TASK GOAL: Please restate each entry below, word for word.

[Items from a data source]
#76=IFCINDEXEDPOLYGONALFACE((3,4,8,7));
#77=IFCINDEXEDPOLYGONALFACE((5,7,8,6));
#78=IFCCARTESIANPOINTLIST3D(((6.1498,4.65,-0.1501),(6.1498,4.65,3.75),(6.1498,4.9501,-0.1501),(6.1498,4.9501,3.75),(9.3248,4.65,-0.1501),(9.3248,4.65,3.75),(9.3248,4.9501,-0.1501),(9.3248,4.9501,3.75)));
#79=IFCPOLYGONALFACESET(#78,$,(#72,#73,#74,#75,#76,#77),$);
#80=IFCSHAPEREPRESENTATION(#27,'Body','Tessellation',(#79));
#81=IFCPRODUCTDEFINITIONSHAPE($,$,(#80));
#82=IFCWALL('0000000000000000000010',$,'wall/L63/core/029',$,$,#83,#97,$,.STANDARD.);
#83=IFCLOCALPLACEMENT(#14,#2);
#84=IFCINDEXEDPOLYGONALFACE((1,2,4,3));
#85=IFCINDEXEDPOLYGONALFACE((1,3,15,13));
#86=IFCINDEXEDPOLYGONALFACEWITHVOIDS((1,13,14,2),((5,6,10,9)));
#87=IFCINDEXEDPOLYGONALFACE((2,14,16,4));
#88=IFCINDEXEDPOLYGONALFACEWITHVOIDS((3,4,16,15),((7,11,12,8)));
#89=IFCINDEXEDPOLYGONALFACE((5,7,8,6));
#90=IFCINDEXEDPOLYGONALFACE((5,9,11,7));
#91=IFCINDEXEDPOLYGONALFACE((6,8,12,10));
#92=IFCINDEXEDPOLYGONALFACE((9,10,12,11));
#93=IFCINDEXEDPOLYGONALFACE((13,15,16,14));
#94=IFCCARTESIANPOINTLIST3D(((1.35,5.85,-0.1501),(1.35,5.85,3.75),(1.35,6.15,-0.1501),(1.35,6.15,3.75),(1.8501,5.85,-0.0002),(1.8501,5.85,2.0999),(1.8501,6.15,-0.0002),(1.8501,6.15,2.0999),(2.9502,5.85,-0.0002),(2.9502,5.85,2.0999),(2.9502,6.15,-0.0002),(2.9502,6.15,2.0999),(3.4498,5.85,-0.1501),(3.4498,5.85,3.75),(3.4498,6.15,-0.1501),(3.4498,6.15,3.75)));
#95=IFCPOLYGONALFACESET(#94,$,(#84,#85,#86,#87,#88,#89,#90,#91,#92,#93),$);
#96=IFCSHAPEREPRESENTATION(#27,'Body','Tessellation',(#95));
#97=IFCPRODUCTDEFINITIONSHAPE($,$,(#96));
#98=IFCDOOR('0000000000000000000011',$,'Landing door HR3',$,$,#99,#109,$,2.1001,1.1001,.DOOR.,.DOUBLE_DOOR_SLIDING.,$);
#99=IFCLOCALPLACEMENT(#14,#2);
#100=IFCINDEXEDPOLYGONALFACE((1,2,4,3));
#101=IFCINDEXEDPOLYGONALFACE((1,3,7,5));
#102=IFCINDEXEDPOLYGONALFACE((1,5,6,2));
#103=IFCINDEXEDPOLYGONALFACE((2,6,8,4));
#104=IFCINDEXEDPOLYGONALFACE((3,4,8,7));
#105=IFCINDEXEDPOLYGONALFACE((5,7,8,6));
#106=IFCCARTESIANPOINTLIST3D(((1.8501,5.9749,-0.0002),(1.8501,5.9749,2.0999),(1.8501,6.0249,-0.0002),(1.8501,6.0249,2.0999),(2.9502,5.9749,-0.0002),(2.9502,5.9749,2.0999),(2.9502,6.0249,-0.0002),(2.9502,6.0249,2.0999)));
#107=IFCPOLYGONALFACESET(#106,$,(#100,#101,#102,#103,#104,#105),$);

ANSWER TO THIS PROBLEM:
#76=IFCINDEXEDPOLYGONALFACE((3,4,8,7));
#77=IFCINDEXEDPOLYGONALFACE((5,7,8,6));
#78=IFCCARTESIANPOINTLIST3D(((6.1498,4.65,-0.1501),(6.1498,4.65,3.75),(6.1498,4.9501,-0.1501),(6.1498,4.9501,3.75),(9.3248,4.65,-0.1501),(9.3248,4.65,3.75),(9.3248,4.9501,-0.1501),(9.3248,4.9501,3.75)));
#79=IFCPOLYGONALFACESET(#78,$,(#72,#73,#74,#75,#76,#77),$);
#80=IFCSHAPEREPRESENTATION(#27,'Body','Tessellation',(#79));
#81=IFCPRODUCTDEFINITIONSHAPE($,$,(#80));
#82=IFCWALL('0000000000000000000010',$,'wall/L63/core/029',$,$,#83,#97,$,.STANDARD.);
#83=IFCLOCALPLACEMENT(#14,#2);
#84=IFCINDEXEDPOLYGONALFACE((1,2,4,3));
#85=IFCINDEXEDPOLYGONALFACE((1,3,15,13));
#86=IFCINDEXEDPOLYGONALFACEWITHVOIDS((1,13,14,2),((5,6,10,9)));
#87=IFCINDEXEDPOLYGONALFACE((2,14,16,4));
#88=IFCINDEXEDPOLYGONALFACEWITHVOIDS((3,4,16,15),((7,11,12,8)));
#89=IFCINDEXEDPOLYGONALFACE((5,7,8,6));
#90=IFCINDEXEDPOLYGONALFACE((5,9,11,7));
#91=IFCINDEXEDPOLYGONALFACE((6,8,12,10));
#92=IFCINDEXEDPOLYGONALFACE((9,10,12,11));
#93=IFCINDEXEDPOLYGONALFACE((13,15,16,14));
#94=IFCCARTESIANPOINTLIST3D(((1.35,5.85,-0.1501),(1.35,5.85,3.75),(1.35,6.15,-0.1501),(1.35,6.15,3.75),(1.8501,5.85,-0.0002),(1.8501,5.85,2.0999),(1.8501,6.15,-0.0002),(1.8501,6.15,2.0999),(2.9502,5.85,-0.0002),(2.9502,5.85,2.0999),(2.9502,6.15,-0.0002),(2.9502,6.15,2.0999),(3.4498,5.85,-0.1501),(3.4498,5.85,3.75),(3.4498,6.15,-0.1501),(3.4498,6.15,3.75)));
#95=IFCPOLYGONALFACESET(#94,$,(#84,#85,#86,#87,#88,#89,#90,#91,#92,#93),$);
#96=IFCSHAPEREPRESENTATION(#27,'Body','Tessellation',(#95));
#97=IFCPRODUCTDEFINITIONSHAPE($,$,(#96));
#98=IFCDOOR('0000000000000000000011',$,'Landing door HR3',$,$,#99,#109,$,2.1001,1.1001,.DOOR.,.DOUBLE_DOOR_SLIDING.,$);
#99=IFCLOCALPLACEMENT(#14,#2);
#100=IFCINDEXEDPOLYGONALFACE((1,2,4,3));
#101=IFCINDEXEDPOLYGONALFACE((1,3,7,5));
#102=IFCINDEXEDPOLYGONALFACE((1,5,6,2));
#103=IFCINDEXEDPOLYGONALFACE((2,6,8,4));
#104=IFCINDEXEDPOLYGONALFACE((3,4,8,7));
#105=IFCINDEXEDPOLYGONALFACE((5,7,8,6));
#106=IFCCARTESIANPOINTLIST3D(((1.8501,5.9749,-0.0002),(1.8501,5.9749,2.0999),(1.8501,6.0249,-0.0002),(1.8501,6.0249,2.0999),(2.9502,5.9749,-0.0002),(2.9502,5.9749,2.0999),(2.9502,6.0249,-0.0002),(2.9502,6.0249,2.0999)));
#107=IFCPOLYGONALFACESET(#106,$,(#100,#101,#102,#103,#104,#105),$);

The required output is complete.